(Saved data entries)
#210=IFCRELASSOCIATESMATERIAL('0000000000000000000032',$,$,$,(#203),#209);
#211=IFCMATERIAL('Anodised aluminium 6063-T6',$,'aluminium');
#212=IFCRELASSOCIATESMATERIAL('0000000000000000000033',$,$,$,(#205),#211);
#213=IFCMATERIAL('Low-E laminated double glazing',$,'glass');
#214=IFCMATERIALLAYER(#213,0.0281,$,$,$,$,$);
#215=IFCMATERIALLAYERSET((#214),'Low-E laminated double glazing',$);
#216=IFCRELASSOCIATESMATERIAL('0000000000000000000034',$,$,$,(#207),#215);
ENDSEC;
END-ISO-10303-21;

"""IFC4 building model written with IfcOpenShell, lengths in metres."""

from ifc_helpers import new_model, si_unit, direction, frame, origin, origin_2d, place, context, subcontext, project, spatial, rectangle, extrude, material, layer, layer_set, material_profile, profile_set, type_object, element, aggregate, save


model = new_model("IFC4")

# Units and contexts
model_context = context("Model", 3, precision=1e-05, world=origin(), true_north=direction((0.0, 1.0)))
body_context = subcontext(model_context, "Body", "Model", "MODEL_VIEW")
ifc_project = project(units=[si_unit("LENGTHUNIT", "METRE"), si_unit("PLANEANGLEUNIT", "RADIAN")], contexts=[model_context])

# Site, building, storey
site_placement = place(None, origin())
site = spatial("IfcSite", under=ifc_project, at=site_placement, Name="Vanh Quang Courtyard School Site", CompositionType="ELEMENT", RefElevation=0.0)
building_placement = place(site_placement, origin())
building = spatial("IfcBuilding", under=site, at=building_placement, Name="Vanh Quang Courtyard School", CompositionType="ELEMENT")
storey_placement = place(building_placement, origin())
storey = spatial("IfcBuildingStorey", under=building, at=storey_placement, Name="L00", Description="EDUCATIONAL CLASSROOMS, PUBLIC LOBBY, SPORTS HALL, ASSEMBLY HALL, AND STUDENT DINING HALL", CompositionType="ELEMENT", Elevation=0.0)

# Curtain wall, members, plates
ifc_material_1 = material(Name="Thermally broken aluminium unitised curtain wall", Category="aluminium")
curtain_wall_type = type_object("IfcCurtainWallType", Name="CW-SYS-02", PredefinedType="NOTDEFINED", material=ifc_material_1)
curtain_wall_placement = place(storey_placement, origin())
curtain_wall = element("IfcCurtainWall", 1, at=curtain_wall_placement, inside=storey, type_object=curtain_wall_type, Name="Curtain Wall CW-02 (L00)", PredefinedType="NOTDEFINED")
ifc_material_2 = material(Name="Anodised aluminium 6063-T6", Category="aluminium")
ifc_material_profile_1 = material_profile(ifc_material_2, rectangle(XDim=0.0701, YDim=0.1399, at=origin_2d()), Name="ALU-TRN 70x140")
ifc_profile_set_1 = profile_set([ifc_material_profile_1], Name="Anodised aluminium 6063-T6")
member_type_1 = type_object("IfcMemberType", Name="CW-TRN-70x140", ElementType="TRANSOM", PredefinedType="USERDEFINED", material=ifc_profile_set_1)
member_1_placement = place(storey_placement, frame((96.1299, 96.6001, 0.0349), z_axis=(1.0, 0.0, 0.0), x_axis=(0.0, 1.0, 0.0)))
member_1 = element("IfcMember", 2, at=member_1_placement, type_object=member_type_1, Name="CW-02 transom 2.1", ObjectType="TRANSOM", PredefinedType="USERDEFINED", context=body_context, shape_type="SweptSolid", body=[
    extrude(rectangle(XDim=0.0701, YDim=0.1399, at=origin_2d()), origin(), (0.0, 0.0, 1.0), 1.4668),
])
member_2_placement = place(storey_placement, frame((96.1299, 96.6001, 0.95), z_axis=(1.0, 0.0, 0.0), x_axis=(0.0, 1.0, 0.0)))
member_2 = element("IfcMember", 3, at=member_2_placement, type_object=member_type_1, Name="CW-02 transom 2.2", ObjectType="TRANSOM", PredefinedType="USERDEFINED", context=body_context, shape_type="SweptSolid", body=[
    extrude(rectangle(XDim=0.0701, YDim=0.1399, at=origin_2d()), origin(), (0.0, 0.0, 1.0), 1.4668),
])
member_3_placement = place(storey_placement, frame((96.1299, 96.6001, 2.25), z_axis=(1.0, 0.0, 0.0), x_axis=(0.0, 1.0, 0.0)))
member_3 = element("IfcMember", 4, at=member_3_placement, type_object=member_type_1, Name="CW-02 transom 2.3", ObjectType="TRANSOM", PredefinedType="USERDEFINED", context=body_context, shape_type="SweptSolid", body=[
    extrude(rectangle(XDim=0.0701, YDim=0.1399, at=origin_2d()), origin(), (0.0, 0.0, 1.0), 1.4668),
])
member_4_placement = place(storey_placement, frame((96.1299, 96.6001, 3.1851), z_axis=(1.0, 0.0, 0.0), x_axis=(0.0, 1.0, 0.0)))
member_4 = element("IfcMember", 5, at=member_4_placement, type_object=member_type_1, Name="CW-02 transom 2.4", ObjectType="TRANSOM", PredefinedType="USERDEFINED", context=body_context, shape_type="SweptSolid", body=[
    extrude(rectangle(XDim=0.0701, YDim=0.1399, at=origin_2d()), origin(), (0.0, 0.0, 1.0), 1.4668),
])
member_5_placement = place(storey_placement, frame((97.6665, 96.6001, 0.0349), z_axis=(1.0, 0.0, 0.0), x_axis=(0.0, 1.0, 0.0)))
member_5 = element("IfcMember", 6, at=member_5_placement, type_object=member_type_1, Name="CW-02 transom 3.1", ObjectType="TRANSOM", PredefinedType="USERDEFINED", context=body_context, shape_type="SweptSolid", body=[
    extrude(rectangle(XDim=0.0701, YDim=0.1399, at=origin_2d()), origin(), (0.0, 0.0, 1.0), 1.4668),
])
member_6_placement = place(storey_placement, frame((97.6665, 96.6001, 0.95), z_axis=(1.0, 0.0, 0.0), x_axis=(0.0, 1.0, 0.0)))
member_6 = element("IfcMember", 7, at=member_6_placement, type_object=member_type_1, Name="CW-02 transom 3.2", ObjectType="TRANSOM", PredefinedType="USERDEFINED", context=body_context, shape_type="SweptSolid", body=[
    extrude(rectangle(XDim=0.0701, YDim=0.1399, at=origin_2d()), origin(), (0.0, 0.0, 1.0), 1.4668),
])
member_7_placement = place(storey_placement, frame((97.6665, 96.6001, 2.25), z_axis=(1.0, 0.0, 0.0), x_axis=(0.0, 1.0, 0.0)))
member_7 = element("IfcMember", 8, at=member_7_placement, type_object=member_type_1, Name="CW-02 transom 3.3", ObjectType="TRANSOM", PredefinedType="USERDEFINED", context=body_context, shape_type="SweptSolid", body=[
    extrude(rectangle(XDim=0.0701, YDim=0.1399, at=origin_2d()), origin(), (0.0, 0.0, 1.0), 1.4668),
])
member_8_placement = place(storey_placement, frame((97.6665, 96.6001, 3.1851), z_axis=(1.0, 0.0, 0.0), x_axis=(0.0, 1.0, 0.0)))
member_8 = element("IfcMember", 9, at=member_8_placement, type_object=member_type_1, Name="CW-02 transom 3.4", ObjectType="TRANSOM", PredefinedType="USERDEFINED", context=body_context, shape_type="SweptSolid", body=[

## Task details
Which lines of the records above contain the word "Courtyard"? Copy each of them.

## Exercise solution
site = spatial("IfcSite", under=ifc_project, at=site_placement, Name="Vanh Quang Courtyard School Site", CompositionType="ELEMENT", RefElevation=0.0)
building = spatial("IfcBuilding", under=site, at=building_placement, Name="Vanh Quang Courtyard School", CompositionType="ELEMENT")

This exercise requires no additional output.